REQUIRED ACTION ▸
All of the data below is to be copied exactly.

SOURCE MATERIAL ▸

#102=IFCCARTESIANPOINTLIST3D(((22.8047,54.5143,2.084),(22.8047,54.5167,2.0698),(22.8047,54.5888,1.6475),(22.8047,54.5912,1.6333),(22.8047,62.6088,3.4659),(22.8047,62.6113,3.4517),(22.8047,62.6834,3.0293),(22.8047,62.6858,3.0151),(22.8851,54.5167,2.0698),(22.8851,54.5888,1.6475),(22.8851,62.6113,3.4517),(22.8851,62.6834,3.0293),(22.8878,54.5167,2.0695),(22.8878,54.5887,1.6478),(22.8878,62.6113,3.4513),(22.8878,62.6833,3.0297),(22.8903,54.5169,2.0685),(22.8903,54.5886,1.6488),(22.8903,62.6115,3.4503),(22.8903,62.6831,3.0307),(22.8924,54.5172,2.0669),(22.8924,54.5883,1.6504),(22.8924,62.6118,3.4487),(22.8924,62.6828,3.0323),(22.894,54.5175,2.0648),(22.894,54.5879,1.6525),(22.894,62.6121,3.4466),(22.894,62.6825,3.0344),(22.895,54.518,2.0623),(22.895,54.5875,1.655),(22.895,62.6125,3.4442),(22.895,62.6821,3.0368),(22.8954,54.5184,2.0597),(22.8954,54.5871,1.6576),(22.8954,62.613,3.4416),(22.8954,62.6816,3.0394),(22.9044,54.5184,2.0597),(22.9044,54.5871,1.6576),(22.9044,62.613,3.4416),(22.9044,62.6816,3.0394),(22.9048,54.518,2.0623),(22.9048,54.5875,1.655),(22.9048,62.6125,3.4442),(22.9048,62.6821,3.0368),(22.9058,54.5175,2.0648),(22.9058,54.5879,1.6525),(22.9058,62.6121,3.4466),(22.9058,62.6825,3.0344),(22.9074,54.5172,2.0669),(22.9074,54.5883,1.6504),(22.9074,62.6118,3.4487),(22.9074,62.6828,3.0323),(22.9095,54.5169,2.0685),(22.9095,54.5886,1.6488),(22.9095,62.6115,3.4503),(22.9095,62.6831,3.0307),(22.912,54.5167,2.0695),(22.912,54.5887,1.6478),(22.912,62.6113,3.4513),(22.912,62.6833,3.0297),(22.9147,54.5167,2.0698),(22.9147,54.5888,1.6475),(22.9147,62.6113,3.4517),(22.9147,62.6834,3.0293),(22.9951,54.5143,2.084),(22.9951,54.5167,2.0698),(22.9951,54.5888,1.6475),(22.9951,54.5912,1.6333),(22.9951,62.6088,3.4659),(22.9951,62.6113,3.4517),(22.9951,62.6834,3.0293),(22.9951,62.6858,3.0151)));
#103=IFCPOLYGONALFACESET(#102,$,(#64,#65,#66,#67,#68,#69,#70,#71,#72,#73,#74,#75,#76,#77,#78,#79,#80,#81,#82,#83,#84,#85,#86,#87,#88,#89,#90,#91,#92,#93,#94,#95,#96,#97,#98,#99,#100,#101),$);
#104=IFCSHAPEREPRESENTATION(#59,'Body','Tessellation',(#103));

SOLUTION TO THIS EXERCISE ▸
#102=IFCCARTESIANPOINTLIST3D(((22.8047,54.5143,2.084),(22.8047,54.5167,2.0698),(22.8047,54.5888,1.6475),(22.8047,54.5912,1.6333),(22.8047,62.6088,3.4659),(22.8047,62.6113,3.4517),(22.8047,62.6834,3.0293),(22.8047,62.6858,3.0151),(22.8851,54.5167,2.0698),(22.8851,54.5888,1.6475),(22.8851,62.6113,3.4517),(22.8851,62.6834,3.0293),(22.8878,54.5167,2.0695),(22.8878,54.5887,1.6478),(22.8878,62.6113,3.4513),(22.8878,62.6833,3.0297),(22.8903,54.5169,2.0685),(22.8903,54.5886,1.6488),(22.8903,62.6115,3.4503),(22.8903,62.6831,3.0307),(22.8924,54.5172,2.0669),(22.8924,54.5883,1.6504),(22.8924,62.6118,3.4487),(22.8924,62.6828,3.0323),(22.894,54.5175,2.0648),(22.894,54.5879,1.6525),(22.894,62.6121,3.4466),(22.894,62.6825,3.0344),(22.895,54.518,2.0623),(22.895,54.5875,1.655),(22.895,62.6125,3.4442),(22.895,62.6821,3.0368),(22.8954,54.5184,2.0597),(22.8954,54.5871,1.6576),(22.8954,62.613,3.4416),(22.8954,62.6816,3.0394),(22.9044,54.5184,2.0597),(22.9044,54.5871,1.6576),(22.9044,62.613,3.4416),(22.9044,62.6816,3.0394),(22.9048,54.518,2.0623),(22.9048,54.5875,1.655),(22.9048,62.6125,3.4442),(22.9048,62.6821,3.0368),(22.9058,54.5175,2.0648),(22.9058,54.5879,1.6525),(22.9058,62.6121,3.4466),(22.9058,62.6825,3.0344),(22.9074,54.5172,2.0669),(22.9074,54.5883,1.6504),(22.9074,62.6118,3.4487),(22.9074,62.6828,3.0323),(22.9095,54.5169,2.0685),(22.9095,54.5886,1.6488),(22.9095,62.6115,3.4503),(22.9095,62.6831,3.0307),(22.912,54.5167,2.0695),(22.912,54.5887,1.6478),(22.912,62.6113,3.4513),(22.912,62.6833,3.0297),(22.9147,54.5167,2.0698),(22.9147,54.5888,1.6475),(22.9147,62.6113,3.4517),(22.9147,62.6834,3.0293),(22.9951,54.5143,2.084),(22.9951,54.5167,2.0698),(22.9951,54.5888,1.6475),(22.9951,54.5912,1.6333),(22.9951,62.6088,3.4659),(22.9951,62.6113,3.4517),(22.9951,62.6834,3.0293),(22.9951,62.6858,3.0151)));
#103=IFCPOLYGONALFACESET(#102,$,(#64,#65,#66,#67,#68,#69,#70,#71,#72,#73,#74,#75,#76,#77,#78,#79,#80,#81,#82,#83,#84,#85,#86,#87,#88,#89,#90,#91,#92,#93,#94,#95,#96,#97,#98,#99,#100,#101),$);
#104=IFCSHAPEREPRESENTATION(#59,'Body','Tessellation',(#103));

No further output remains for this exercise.